(Data Opens)

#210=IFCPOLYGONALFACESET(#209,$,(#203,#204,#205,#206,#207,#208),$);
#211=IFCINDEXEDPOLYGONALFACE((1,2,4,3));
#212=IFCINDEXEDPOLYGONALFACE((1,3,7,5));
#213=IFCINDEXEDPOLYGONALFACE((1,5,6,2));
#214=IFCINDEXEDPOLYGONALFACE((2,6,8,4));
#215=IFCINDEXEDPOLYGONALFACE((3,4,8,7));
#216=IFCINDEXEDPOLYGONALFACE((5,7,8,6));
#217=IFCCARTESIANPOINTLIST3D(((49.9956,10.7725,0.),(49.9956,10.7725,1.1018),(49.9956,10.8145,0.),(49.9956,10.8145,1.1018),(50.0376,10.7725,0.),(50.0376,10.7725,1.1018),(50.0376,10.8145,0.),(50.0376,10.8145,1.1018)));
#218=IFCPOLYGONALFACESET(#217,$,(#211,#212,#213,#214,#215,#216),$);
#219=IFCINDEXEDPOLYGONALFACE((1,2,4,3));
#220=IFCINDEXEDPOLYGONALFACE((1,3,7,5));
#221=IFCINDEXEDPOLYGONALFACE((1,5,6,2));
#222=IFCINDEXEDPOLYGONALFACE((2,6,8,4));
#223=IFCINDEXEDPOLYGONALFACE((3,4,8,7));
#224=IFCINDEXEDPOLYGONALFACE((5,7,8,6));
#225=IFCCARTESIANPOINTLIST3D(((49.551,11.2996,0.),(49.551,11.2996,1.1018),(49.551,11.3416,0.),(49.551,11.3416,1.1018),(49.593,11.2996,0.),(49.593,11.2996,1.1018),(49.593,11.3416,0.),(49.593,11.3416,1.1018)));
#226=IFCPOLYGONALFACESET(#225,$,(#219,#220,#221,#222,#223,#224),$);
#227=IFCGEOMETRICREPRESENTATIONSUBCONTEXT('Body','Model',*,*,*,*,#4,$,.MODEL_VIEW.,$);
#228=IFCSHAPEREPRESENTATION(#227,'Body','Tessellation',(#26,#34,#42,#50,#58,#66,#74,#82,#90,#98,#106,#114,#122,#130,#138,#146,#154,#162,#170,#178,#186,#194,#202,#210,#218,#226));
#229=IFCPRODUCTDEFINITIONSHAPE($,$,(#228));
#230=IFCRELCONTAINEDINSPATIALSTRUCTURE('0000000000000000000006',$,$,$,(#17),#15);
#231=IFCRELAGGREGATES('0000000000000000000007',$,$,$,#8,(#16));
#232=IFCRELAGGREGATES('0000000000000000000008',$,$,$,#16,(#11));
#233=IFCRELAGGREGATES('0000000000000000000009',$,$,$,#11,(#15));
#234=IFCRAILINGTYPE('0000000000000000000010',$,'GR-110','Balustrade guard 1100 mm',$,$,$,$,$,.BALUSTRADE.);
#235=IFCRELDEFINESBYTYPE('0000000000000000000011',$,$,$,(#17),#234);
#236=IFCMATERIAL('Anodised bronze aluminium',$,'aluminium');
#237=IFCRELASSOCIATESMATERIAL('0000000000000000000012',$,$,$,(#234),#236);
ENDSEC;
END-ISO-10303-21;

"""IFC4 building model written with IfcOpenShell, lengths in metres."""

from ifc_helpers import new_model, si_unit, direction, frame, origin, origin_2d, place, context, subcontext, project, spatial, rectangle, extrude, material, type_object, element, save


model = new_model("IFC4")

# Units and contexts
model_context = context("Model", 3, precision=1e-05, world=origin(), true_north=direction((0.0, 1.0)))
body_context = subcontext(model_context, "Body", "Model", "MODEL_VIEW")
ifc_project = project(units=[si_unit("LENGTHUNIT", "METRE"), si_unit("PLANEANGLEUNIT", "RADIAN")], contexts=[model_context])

(Data Closes)
(Data Opens)

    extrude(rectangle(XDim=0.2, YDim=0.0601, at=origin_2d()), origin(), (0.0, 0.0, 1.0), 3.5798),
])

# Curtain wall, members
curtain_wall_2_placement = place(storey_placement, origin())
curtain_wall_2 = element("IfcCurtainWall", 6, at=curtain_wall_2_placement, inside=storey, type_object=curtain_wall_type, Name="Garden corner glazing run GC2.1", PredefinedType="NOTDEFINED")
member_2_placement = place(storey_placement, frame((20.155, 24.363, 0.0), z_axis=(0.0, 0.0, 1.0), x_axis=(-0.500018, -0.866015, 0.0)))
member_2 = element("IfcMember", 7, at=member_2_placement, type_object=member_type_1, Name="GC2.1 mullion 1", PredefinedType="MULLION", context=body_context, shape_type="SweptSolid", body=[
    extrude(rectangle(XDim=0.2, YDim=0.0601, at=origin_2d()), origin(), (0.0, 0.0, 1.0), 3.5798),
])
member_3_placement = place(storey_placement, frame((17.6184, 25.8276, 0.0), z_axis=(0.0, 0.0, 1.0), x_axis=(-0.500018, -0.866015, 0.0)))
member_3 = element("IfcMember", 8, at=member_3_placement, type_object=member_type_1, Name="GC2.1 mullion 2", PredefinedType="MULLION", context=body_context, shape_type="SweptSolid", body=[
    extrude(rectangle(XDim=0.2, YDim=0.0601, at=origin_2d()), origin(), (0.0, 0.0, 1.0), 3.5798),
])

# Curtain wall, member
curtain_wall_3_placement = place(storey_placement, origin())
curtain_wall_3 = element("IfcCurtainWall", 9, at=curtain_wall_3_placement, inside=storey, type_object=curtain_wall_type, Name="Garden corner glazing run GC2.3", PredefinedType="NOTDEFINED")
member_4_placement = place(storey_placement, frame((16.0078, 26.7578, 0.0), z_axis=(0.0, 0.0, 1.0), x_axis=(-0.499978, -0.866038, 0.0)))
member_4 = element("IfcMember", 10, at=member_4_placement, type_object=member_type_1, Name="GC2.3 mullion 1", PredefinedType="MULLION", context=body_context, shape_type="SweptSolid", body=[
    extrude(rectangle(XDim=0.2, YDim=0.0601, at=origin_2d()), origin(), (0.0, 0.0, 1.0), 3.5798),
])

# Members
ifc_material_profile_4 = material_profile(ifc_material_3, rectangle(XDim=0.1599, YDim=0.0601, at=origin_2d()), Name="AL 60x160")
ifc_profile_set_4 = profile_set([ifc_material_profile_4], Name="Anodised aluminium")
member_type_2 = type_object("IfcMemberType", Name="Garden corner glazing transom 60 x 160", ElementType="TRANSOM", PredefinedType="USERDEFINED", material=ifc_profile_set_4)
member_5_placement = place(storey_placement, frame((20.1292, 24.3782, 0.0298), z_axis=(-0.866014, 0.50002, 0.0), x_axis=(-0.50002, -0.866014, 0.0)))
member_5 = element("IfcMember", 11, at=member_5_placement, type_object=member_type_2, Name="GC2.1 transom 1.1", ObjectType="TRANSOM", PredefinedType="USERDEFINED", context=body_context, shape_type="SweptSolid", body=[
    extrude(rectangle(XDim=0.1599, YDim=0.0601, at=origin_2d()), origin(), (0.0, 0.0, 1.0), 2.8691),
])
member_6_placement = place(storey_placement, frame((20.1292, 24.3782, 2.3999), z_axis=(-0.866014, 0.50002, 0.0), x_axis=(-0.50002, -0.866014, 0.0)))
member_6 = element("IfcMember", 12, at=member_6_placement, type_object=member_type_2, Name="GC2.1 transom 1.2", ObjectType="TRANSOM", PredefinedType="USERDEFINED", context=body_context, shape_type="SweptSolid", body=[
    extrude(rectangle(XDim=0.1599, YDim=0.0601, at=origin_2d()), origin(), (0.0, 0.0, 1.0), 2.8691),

(Data Closes)
(Data Opens)

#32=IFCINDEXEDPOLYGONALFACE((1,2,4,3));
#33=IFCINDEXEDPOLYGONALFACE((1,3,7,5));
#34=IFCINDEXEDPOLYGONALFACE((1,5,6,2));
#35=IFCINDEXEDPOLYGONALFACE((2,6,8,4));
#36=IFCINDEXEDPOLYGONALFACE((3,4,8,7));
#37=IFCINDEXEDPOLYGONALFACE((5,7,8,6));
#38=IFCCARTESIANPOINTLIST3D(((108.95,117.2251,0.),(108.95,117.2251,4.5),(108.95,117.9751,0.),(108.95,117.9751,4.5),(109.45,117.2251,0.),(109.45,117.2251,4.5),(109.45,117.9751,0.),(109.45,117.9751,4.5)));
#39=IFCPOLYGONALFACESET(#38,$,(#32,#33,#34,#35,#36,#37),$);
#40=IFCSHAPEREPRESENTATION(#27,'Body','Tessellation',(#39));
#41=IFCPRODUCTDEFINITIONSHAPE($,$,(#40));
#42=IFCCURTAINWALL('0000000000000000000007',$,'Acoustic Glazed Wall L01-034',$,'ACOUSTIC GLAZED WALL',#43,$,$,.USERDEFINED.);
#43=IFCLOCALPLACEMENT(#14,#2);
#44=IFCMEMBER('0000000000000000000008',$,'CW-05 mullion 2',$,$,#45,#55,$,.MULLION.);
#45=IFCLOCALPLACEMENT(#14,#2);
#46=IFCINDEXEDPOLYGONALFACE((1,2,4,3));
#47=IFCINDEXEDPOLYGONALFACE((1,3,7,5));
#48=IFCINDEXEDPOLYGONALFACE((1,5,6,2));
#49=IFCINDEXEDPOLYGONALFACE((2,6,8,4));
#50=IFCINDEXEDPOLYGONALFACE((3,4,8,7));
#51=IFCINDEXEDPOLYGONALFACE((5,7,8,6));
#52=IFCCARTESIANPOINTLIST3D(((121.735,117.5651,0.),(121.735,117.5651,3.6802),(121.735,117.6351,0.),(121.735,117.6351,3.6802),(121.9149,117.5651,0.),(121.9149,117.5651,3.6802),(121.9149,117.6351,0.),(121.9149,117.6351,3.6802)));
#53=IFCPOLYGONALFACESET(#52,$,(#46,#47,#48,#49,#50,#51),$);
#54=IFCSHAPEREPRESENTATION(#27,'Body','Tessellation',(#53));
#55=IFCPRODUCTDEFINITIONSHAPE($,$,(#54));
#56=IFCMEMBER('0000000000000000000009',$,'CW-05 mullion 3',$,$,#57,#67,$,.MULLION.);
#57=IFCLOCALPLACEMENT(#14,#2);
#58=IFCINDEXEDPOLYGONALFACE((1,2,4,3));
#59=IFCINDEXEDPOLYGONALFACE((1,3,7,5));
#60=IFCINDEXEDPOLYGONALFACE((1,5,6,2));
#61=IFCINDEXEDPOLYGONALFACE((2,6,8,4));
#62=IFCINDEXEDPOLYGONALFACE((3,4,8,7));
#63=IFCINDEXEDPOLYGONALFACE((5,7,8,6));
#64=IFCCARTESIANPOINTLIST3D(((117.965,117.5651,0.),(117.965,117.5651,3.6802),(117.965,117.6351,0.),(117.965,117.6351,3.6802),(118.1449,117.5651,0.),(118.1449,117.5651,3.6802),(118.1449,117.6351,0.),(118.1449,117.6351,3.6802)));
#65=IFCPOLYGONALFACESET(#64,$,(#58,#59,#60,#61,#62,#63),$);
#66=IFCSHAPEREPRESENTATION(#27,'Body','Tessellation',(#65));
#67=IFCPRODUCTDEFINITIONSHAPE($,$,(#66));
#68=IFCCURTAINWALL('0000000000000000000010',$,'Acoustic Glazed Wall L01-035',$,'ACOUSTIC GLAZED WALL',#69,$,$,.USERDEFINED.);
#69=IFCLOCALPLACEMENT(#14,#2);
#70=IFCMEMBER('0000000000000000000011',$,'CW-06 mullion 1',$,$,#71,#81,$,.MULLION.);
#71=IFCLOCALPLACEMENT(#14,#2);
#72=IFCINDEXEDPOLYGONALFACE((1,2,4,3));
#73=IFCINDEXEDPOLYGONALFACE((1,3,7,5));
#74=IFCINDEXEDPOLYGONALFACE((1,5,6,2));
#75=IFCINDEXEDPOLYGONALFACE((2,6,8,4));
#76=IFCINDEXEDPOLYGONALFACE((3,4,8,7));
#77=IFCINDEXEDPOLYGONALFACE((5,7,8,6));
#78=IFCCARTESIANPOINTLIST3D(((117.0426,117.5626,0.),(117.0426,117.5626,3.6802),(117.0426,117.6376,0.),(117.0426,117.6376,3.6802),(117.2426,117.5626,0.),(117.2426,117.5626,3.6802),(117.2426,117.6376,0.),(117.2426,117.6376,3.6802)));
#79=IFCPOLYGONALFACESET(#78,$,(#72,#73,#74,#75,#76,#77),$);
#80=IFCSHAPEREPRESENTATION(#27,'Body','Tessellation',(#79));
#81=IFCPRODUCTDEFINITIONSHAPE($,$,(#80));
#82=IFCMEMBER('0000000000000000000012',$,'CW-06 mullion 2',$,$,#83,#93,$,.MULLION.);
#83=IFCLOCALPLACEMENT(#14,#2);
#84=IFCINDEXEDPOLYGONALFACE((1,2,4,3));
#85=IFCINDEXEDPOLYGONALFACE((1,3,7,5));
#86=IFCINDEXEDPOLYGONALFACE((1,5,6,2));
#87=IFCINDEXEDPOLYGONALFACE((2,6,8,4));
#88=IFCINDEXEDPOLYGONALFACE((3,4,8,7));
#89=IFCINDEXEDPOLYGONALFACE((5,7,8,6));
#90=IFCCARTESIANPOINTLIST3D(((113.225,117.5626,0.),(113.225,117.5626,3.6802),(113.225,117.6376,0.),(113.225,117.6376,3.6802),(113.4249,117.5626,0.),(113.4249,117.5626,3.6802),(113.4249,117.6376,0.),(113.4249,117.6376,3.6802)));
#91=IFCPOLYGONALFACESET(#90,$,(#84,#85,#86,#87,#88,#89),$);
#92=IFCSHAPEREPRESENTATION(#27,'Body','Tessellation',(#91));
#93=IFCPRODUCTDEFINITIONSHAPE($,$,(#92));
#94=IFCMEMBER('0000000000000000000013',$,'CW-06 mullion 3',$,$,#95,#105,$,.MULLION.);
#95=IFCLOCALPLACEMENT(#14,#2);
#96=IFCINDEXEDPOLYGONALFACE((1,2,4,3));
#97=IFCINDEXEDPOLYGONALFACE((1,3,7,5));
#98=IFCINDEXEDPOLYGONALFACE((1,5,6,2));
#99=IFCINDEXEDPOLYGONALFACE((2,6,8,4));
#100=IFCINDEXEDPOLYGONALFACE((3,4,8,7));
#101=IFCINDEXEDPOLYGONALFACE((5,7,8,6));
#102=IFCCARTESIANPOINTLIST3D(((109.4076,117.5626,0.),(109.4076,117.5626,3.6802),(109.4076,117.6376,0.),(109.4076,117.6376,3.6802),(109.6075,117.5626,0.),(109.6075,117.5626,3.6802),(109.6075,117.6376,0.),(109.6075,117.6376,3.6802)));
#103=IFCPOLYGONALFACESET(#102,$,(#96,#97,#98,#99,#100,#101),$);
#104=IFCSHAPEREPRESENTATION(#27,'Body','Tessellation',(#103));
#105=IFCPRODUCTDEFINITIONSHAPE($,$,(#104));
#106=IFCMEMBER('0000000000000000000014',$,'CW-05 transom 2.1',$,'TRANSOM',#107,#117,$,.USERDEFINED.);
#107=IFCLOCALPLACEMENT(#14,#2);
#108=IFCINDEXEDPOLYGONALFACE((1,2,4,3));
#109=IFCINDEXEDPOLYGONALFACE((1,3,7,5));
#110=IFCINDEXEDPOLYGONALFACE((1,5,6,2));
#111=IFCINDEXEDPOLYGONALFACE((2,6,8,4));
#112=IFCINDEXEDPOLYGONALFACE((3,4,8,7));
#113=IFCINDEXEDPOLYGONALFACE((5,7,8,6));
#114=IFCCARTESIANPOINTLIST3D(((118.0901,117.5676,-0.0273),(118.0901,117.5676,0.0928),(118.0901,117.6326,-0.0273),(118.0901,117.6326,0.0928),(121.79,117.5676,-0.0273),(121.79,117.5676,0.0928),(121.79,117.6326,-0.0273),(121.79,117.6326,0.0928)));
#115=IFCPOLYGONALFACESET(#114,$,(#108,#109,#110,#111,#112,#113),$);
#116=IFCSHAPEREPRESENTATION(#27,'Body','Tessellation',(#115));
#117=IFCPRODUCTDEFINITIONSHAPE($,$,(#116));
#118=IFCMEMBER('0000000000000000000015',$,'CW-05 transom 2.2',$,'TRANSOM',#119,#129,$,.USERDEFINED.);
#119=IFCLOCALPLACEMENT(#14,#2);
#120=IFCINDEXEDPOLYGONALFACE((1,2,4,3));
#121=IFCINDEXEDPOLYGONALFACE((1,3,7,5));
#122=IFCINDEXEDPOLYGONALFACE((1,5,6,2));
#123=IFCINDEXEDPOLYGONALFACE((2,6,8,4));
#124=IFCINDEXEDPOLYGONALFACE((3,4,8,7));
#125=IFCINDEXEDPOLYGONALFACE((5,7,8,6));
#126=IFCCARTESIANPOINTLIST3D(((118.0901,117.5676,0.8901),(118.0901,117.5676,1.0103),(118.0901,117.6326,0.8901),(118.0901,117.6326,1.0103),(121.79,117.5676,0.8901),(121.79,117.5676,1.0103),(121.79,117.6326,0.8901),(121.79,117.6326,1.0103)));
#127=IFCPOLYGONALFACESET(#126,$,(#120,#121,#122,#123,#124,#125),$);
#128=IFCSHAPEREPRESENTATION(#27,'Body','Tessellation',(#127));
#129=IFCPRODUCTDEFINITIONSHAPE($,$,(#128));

(Data Closes)

Problem to solve
Only lines containing the string "ACOUSTIC" are needed. Pull each of them out of the records above.

Result below
#42=IFCCURTAINWALL('0000000000000000000007',$,'Acoustic Glazed Wall L01-034',$,'ACOUSTIC GLAZED WALL',#43,$,$,.USERDEFINED.);
#68=IFCCURTAINWALL('0000000000000000000010',$,'Acoustic Glazed Wall L01-035',$,'ACOUSTIC GLAZED WALL',#69,$,$,.USERDEFINED.);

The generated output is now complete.